■ Goal of the exercise
Every line of the entries below that mentions "IFCLOCALPLACEMENT" is to be copied out.

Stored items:
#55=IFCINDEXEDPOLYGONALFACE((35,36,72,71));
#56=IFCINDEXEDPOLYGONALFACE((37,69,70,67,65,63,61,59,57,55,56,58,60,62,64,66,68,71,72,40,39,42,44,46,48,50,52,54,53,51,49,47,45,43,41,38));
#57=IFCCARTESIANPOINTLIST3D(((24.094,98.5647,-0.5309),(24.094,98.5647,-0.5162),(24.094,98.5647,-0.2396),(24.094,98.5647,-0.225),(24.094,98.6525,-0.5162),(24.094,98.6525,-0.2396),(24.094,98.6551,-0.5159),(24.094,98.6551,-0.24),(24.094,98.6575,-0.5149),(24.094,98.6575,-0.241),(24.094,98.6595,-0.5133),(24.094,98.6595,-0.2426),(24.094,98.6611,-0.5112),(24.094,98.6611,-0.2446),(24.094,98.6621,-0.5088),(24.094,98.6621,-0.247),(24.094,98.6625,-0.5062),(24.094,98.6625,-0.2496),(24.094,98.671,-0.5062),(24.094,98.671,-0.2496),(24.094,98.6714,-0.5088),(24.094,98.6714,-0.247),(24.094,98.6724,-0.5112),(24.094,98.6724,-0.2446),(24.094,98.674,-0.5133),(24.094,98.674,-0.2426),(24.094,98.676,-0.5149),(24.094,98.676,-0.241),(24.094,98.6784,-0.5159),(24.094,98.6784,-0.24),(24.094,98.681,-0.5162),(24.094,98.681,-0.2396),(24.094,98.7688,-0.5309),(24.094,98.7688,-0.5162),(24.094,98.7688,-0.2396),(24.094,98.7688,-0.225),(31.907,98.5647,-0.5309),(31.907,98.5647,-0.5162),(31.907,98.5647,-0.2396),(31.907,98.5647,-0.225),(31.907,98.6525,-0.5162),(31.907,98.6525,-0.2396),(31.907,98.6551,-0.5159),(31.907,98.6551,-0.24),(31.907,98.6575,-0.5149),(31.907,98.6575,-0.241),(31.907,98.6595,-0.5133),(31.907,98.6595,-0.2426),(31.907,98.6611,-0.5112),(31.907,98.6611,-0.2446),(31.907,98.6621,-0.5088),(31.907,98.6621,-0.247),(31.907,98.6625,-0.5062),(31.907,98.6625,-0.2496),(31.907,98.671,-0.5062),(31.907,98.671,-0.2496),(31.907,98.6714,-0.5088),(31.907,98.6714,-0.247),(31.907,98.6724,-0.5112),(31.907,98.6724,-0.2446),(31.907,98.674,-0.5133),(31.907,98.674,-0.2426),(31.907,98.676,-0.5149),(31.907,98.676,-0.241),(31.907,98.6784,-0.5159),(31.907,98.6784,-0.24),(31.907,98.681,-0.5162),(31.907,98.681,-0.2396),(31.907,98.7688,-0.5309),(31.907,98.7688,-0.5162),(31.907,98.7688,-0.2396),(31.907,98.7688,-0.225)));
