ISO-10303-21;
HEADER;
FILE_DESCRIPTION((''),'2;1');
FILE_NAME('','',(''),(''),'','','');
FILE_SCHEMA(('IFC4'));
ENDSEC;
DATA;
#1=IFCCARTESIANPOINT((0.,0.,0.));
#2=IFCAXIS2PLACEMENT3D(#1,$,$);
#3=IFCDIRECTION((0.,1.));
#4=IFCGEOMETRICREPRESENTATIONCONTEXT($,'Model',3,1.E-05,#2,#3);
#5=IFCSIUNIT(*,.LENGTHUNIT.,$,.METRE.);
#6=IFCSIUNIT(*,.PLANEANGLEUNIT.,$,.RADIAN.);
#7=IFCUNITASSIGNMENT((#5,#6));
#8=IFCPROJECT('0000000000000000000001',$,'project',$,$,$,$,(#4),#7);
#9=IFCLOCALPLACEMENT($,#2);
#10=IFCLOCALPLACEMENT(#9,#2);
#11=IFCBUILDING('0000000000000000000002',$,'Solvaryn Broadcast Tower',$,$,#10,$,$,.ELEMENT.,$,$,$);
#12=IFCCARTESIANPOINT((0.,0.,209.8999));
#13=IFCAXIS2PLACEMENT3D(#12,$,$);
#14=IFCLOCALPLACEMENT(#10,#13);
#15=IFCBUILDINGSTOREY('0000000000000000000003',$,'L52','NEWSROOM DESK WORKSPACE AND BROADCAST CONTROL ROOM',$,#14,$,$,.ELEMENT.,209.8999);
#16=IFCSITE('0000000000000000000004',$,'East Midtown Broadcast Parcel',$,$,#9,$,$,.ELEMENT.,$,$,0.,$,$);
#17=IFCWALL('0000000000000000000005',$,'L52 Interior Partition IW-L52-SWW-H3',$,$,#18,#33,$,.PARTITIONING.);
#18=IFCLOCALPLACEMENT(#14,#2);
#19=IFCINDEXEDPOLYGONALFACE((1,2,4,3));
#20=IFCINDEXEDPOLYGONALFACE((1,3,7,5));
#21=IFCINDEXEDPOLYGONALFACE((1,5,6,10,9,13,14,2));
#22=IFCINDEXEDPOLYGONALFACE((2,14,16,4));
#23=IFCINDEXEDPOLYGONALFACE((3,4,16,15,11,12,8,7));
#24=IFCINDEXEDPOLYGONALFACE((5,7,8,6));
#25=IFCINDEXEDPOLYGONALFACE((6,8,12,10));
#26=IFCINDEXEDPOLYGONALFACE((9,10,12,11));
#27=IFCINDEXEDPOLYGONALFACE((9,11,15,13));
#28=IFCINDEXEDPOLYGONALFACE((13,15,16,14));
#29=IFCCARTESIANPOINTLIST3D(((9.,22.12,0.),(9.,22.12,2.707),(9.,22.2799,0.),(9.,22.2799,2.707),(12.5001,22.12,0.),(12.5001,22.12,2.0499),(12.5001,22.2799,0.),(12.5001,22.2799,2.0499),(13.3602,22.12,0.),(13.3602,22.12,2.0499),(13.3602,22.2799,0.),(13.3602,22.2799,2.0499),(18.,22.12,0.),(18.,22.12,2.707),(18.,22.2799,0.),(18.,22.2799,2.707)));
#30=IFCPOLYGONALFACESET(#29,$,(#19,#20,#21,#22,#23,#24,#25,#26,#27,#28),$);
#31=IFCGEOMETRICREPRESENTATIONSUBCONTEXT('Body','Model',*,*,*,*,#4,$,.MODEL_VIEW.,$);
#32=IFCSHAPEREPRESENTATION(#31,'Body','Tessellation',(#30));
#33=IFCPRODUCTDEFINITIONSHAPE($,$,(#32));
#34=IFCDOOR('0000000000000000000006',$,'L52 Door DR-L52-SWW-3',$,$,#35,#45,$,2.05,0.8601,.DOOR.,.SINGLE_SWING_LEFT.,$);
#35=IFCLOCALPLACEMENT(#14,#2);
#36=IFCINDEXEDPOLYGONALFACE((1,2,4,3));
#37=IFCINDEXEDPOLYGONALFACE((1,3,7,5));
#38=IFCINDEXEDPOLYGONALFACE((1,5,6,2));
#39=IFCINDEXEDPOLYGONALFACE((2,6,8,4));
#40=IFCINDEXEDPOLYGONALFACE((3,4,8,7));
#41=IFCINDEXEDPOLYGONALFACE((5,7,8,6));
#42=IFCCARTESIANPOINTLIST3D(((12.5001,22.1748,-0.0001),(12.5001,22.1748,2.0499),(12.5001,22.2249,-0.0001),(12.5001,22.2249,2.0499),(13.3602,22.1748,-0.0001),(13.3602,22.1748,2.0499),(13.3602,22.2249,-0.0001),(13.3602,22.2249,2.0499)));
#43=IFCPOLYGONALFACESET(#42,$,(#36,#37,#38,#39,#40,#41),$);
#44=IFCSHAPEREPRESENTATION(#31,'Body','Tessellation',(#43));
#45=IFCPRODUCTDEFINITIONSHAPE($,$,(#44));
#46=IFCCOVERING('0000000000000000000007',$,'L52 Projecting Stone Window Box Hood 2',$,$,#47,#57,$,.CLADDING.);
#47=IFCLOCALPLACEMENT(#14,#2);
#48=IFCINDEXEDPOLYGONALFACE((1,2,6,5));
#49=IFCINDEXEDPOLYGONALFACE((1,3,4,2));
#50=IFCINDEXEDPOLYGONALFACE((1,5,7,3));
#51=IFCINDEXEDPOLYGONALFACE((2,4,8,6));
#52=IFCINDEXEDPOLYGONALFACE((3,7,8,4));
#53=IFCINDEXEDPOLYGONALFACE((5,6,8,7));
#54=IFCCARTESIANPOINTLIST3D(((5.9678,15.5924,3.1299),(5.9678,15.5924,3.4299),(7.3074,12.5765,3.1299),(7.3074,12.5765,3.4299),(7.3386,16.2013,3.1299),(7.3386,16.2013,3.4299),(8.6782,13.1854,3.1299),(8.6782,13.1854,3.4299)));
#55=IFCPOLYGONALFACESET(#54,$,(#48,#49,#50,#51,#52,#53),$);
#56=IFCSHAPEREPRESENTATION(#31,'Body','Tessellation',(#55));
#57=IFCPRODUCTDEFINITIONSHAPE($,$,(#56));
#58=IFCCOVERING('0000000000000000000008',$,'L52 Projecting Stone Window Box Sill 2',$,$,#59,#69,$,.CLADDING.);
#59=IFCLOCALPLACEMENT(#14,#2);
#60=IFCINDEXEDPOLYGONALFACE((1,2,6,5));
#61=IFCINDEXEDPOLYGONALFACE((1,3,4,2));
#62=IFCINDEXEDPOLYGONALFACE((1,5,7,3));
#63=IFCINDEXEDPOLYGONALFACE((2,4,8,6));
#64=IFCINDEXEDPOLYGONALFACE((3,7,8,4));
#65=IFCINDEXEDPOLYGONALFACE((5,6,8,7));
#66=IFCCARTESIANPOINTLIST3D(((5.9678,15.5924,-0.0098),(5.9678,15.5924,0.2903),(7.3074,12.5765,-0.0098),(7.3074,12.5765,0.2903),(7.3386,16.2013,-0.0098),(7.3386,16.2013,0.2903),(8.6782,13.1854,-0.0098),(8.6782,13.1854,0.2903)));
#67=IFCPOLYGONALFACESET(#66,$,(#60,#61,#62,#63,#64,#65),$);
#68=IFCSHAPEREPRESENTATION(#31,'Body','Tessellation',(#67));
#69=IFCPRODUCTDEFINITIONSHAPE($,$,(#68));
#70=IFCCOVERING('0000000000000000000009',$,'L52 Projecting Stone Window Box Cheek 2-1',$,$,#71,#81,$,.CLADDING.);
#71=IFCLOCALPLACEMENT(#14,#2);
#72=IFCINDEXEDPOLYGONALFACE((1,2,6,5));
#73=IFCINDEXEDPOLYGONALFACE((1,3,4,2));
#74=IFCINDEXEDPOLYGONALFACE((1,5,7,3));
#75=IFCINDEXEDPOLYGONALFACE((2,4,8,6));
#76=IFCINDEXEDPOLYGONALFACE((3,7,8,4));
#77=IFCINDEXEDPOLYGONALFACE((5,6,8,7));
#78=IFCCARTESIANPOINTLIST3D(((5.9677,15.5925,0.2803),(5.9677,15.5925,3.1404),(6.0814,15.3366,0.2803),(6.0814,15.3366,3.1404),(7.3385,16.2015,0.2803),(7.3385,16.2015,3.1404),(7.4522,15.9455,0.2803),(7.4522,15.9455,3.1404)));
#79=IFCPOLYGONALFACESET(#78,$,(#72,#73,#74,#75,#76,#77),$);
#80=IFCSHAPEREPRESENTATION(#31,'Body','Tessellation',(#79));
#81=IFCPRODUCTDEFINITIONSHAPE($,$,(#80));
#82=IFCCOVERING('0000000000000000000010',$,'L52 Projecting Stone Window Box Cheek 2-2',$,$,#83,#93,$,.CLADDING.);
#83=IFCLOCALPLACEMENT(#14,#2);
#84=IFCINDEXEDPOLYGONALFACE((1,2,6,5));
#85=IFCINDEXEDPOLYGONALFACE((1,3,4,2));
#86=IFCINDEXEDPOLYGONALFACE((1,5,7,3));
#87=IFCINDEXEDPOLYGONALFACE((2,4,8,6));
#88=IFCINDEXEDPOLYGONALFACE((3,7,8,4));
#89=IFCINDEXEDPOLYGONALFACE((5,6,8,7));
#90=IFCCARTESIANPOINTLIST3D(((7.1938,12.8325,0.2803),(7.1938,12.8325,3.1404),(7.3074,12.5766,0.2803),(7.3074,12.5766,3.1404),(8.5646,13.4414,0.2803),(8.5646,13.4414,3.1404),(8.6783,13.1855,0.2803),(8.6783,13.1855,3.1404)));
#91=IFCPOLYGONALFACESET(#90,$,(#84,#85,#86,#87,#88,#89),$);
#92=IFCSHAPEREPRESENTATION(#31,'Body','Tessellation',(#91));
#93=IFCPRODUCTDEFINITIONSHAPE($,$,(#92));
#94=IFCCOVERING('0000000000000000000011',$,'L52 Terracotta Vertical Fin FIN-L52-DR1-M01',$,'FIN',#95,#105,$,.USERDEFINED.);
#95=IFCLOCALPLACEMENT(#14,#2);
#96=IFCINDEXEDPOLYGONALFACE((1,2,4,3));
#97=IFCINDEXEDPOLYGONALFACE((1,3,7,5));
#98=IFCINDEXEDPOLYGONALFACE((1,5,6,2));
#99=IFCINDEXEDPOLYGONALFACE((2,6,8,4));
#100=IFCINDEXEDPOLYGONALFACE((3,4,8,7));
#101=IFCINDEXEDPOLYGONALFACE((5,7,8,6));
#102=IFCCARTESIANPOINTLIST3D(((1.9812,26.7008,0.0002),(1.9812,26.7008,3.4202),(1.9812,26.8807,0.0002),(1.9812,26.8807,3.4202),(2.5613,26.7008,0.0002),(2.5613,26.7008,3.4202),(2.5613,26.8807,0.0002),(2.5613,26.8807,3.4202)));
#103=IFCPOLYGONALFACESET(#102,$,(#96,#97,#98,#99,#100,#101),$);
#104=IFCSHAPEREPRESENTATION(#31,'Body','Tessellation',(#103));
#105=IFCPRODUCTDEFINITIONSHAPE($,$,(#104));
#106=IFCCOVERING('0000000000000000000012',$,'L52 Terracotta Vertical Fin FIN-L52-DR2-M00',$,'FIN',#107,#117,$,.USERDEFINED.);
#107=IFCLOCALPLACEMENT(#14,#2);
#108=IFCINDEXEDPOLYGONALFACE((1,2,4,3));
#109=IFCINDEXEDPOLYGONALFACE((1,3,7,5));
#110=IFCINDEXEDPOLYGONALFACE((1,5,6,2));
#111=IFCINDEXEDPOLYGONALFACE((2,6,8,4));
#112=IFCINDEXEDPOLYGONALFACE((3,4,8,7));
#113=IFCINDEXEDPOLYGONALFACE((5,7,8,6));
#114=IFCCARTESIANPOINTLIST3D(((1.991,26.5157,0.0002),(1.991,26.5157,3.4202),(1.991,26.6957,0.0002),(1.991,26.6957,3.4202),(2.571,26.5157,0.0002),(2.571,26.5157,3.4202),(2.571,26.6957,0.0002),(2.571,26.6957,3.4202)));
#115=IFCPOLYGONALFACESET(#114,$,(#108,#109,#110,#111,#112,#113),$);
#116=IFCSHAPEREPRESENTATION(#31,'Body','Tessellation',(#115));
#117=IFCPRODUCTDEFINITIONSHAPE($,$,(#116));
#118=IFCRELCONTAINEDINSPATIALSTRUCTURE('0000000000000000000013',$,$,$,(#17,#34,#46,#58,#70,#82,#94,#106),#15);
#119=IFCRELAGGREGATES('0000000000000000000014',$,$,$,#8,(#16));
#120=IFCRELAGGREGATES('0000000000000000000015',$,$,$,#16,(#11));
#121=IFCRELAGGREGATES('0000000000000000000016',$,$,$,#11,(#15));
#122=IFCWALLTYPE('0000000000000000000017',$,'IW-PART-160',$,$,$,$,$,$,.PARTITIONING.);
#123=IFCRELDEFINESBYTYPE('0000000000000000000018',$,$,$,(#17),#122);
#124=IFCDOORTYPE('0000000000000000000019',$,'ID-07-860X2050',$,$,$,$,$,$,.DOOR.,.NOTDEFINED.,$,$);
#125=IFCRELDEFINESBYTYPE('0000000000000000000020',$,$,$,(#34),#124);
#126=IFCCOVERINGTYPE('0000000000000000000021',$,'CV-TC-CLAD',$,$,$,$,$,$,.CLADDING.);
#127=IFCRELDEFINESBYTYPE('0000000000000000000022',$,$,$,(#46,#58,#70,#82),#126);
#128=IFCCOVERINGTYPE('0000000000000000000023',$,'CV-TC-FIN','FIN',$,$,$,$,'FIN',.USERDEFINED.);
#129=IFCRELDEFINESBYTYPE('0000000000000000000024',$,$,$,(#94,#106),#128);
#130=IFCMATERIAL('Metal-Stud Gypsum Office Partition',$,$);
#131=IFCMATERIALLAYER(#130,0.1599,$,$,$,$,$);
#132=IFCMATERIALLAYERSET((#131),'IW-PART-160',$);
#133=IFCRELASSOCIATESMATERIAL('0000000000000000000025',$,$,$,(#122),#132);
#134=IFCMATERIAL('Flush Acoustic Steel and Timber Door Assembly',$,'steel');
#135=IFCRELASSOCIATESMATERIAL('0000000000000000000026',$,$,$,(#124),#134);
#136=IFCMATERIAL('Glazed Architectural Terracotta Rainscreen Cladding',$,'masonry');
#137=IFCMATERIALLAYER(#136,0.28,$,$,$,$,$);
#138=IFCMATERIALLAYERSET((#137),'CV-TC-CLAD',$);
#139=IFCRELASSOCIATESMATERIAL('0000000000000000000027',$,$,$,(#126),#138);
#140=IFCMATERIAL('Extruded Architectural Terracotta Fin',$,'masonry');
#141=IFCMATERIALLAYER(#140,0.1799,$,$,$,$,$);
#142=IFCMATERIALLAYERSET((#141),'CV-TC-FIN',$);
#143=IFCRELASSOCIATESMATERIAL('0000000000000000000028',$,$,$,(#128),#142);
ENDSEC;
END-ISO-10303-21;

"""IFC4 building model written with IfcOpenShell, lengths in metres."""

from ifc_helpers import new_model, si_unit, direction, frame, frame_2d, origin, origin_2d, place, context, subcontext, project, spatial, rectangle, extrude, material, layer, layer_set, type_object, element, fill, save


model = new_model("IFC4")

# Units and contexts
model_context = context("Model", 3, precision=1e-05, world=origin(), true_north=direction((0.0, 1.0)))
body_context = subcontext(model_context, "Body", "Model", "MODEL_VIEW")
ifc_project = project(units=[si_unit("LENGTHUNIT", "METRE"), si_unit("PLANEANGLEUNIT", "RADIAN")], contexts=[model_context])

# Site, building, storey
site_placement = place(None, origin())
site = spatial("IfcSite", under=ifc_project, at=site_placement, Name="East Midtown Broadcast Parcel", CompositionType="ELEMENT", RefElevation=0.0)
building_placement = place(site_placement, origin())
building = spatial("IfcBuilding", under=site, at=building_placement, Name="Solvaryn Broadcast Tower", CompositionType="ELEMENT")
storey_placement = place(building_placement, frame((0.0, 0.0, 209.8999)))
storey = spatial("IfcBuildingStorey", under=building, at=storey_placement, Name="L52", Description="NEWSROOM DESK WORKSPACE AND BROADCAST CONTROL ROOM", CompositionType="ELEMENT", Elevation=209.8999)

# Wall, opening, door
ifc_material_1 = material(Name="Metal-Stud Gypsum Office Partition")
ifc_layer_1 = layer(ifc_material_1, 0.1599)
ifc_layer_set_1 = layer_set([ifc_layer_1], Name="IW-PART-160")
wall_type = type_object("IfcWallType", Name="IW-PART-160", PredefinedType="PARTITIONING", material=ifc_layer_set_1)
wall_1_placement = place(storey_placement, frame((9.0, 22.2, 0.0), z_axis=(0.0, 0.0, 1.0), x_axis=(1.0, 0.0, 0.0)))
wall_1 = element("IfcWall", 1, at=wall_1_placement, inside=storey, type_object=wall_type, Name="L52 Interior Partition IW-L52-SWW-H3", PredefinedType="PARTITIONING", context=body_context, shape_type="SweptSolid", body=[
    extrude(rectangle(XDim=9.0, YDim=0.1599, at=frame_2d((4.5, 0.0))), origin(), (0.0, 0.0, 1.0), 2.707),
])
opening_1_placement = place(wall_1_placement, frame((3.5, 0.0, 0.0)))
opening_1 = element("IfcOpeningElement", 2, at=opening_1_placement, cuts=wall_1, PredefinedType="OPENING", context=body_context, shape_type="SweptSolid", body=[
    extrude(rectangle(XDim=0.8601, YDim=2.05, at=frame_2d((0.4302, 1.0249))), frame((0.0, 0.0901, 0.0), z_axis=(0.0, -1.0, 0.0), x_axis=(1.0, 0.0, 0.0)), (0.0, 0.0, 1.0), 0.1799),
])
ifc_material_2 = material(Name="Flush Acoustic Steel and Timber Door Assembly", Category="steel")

■ Output
#9=IFCLOCALPLACEMENT($,#2);
#10=IFCLOCALPLACEMENT(#9,#2);
#14=IFCLOCALPLACEMENT(#10,#13);
#18=IFCLOCALPLACEMENT(#14,#2);
#35=IFCLOCALPLACEMENT(#14,#2);
#47=IFCLOCALPLACEMENT(#14,#2);
#59=IFCLOCALPLACEMENT(#14,#2);
#71=IFCLOCALPLACEMENT(#14,#2);
#83=IFCLOCALPLACEMENT(#14,#2);
#95=IFCLOCALPLACEMENT(#14,#2);
#107=IFCLOCALPLACEMENT(#14,#2);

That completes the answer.